**** GIVEN ENTRIES ****
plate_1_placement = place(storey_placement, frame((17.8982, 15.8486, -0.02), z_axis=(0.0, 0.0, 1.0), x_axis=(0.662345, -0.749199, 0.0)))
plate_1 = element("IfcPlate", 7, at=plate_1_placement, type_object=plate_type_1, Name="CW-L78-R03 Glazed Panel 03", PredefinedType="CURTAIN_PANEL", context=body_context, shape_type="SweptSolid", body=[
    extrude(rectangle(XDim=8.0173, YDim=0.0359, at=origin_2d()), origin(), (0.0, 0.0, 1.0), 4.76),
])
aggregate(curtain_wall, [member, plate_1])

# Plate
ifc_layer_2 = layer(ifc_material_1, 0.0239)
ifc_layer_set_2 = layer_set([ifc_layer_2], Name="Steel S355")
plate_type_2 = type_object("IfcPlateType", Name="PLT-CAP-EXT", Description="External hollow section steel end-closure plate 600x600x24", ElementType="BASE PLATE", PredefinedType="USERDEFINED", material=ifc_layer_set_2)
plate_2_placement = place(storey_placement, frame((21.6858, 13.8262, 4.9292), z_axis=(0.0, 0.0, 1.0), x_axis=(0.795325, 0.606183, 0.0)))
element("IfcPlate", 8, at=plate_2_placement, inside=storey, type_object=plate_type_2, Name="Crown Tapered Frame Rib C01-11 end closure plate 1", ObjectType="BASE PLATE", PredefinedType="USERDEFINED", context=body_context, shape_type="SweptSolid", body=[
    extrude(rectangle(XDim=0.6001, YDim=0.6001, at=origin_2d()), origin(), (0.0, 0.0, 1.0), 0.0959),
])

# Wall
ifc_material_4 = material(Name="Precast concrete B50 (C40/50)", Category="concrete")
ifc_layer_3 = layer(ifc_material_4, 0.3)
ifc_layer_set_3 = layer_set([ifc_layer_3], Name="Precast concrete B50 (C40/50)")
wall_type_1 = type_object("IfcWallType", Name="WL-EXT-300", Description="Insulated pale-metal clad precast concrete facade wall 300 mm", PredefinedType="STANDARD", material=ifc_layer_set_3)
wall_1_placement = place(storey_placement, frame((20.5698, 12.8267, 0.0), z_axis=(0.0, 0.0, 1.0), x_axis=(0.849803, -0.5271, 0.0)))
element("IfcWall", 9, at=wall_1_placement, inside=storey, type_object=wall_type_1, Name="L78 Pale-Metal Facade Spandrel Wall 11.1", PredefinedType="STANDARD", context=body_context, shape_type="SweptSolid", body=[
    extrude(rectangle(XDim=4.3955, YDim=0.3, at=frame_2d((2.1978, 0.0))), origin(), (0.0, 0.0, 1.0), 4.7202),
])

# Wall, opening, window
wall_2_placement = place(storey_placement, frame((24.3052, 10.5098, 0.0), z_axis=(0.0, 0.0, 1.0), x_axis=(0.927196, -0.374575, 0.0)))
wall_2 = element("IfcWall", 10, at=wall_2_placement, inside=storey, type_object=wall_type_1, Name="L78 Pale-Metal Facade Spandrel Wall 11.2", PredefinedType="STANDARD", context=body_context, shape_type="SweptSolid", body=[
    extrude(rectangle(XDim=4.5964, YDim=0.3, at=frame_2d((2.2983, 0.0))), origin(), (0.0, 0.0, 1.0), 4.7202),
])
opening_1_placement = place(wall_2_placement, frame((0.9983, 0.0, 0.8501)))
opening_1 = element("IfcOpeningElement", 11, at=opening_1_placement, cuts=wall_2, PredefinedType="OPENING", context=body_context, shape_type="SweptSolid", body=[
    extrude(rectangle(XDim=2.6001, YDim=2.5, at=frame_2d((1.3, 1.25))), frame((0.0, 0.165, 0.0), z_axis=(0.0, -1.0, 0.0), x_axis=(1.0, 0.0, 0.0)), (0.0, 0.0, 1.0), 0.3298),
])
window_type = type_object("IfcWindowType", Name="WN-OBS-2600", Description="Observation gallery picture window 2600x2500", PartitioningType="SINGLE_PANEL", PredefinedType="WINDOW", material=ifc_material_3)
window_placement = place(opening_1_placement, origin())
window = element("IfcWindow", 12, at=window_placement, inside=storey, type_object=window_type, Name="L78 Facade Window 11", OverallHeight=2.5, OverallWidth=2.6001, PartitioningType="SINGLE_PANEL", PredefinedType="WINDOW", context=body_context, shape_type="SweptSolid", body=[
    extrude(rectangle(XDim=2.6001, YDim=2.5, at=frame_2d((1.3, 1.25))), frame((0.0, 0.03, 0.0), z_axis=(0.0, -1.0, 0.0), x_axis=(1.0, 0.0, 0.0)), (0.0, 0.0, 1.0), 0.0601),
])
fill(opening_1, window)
****
-- TASK REQUIREMENTS --
How many lines of the listing above include the word "concrete"? State the number and nothing else.

-- TASK SOLUTION --
3